#### Problem details
Reproduce the entries below exactly, but only from the line containing "#149=IFCINDEXEDPOLYGONALFACE((2,6,8,4));" to the line containing "#163=IFCINDEXEDPOLYGONALFACE((5,7,8,6));", inclusive.

[Given records — start]

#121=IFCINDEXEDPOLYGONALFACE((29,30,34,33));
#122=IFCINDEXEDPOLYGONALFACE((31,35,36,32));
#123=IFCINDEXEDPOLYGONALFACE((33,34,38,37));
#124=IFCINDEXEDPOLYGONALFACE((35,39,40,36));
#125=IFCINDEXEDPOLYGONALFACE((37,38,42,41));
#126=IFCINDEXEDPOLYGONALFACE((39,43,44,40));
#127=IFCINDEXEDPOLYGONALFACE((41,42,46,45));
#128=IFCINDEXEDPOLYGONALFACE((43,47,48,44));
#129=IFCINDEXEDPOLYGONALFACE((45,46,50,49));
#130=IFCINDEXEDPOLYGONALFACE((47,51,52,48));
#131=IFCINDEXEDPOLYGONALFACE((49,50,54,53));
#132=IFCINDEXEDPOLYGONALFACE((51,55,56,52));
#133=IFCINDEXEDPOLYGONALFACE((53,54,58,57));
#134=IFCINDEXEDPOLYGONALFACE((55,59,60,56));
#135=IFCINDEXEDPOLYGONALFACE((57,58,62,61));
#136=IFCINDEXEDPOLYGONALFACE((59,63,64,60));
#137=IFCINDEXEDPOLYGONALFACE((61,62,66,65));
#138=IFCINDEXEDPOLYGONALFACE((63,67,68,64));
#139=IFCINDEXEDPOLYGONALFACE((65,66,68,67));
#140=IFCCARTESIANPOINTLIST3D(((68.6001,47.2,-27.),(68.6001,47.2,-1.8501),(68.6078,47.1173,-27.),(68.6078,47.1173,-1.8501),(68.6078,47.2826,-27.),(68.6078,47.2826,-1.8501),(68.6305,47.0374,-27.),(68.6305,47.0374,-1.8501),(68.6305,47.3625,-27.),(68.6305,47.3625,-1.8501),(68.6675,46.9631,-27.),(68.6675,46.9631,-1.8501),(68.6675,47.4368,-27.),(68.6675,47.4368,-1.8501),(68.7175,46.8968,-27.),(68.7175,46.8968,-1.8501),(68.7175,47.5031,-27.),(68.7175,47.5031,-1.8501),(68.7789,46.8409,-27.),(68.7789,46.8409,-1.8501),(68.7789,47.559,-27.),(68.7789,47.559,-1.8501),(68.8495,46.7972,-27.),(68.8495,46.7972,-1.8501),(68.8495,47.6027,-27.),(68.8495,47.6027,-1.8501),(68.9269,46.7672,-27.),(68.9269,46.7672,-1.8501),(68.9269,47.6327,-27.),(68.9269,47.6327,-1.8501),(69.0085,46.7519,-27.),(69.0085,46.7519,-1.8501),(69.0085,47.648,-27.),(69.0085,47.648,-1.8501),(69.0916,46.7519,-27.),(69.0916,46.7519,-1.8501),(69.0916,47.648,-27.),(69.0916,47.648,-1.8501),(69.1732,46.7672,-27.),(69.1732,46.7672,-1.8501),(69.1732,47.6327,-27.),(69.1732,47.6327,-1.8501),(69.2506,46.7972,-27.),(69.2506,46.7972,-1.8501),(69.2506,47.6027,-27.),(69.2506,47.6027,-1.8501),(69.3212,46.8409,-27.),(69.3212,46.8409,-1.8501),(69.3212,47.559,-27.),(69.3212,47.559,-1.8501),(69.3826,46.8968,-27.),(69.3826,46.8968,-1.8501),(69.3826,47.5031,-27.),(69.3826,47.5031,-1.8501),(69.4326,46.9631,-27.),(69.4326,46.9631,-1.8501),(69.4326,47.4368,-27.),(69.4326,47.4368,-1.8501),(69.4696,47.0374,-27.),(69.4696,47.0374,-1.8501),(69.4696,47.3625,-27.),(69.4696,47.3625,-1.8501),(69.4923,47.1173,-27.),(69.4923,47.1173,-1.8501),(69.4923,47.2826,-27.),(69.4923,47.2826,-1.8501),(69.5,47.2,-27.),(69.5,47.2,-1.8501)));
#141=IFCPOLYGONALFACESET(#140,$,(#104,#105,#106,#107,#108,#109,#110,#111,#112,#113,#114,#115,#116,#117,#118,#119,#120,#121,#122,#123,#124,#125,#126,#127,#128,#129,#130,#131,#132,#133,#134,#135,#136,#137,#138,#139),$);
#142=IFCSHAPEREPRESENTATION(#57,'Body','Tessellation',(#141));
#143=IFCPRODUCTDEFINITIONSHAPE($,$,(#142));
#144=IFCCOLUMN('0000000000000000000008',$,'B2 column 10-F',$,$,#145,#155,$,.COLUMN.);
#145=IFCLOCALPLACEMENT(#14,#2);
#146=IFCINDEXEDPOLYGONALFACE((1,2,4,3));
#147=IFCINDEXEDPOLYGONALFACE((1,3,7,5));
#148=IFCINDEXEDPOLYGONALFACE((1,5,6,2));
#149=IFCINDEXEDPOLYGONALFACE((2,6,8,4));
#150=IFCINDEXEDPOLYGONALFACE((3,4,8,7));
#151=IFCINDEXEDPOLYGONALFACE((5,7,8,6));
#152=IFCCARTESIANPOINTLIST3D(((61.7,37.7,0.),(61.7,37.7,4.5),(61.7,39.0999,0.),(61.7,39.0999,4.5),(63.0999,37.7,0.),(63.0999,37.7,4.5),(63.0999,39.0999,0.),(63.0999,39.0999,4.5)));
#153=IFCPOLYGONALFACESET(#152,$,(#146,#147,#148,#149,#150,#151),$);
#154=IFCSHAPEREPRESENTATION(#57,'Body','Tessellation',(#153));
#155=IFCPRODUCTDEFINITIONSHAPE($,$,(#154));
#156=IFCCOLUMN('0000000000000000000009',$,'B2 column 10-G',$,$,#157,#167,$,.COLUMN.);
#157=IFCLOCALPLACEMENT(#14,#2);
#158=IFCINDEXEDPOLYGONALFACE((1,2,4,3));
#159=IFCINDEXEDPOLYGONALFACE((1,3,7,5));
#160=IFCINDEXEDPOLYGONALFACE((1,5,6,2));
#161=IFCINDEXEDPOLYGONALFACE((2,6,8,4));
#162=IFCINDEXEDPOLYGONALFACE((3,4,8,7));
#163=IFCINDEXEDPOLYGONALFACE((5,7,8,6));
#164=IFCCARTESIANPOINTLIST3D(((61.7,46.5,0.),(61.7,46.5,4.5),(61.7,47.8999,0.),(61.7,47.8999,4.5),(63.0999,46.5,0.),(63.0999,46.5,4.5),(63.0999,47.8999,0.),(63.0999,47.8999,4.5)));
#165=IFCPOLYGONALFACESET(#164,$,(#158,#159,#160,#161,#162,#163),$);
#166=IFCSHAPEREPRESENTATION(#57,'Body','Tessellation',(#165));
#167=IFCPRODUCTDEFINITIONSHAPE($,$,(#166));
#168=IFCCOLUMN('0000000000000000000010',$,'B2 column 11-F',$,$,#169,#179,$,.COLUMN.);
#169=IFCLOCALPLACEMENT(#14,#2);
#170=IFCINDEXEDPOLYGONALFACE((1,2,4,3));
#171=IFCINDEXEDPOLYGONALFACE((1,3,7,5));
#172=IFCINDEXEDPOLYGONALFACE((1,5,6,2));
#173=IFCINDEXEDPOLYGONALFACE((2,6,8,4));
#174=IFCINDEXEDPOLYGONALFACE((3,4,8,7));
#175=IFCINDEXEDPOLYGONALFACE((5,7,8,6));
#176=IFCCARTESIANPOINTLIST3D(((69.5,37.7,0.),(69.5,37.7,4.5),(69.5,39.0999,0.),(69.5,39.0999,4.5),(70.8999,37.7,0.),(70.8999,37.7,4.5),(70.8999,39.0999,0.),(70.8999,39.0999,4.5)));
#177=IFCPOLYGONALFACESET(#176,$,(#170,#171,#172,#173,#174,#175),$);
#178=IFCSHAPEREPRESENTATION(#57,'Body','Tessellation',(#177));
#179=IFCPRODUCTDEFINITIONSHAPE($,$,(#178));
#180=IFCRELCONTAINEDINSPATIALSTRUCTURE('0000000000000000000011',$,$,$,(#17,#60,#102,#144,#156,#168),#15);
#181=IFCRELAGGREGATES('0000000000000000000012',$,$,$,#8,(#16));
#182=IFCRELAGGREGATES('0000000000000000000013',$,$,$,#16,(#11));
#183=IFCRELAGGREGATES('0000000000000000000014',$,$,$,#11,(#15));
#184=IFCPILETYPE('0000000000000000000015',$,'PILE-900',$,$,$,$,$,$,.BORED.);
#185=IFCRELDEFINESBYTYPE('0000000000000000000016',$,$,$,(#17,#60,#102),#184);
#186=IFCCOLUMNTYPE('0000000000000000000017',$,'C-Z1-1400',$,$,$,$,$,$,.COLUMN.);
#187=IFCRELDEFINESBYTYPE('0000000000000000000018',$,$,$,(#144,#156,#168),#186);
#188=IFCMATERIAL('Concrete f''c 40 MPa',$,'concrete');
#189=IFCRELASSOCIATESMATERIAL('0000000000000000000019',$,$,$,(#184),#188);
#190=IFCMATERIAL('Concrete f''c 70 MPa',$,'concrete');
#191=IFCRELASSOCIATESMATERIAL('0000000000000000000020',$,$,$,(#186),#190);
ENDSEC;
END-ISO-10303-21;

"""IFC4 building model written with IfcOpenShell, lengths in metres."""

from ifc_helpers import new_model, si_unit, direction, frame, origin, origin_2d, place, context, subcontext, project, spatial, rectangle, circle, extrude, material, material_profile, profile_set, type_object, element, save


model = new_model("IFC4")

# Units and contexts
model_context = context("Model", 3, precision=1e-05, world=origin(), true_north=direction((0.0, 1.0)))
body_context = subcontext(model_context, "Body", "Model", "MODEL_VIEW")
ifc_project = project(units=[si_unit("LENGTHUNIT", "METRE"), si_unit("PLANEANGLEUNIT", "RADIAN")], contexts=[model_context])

[Given records — finish]

#### Output of the exercise
#149=IFCINDEXEDPOLYGONALFACE((2,6,8,4));
#150=IFCINDEXEDPOLYGONALFACE((3,4,8,7));
#151=IFCINDEXEDPOLYGONALFACE((5,7,8,6));
#152=IFCCARTESIANPOINTLIST3D(((61.7,37.7,0.),(61.7,37.7,4.5),(61.7,39.0999,0.),(61.7,39.0999,4.5),(63.0999,37.7,0.),(63.0999,37.7,4.5),(63.0999,39.0999,0.),(63.0999,39.0999,4.5)));
#153=IFCPOLYGONALFACESET(#152,$,(#146,#147,#148,#149,#150,#151),$);
#154=IFCSHAPEREPRESENTATION(#57,'Body','Tessellation',(#153));
#155=IFCPRODUCTDEFINITIONSHAPE($,$,(#154));
#156=IFCCOLUMN('0000000000000000000009',$,'B2 column 10-G',$,$,#157,#167,$,.COLUMN.);
#157=IFCLOCALPLACEMENT(#14,#2);
#158=IFCINDEXEDPOLYGONALFACE((1,2,4,3));
#159=IFCINDEXEDPOLYGONALFACE((1,3,7,5));
#160=IFCINDEXEDPOLYGONALFACE((1,5,6,2));
#161=IFCINDEXEDPOLYGONALFACE((2,6,8,4));
#162=IFCINDEXEDPOLYGONALFACE((3,4,8,7));
#163=IFCINDEXEDPOLYGONALFACE((5,7,8,6));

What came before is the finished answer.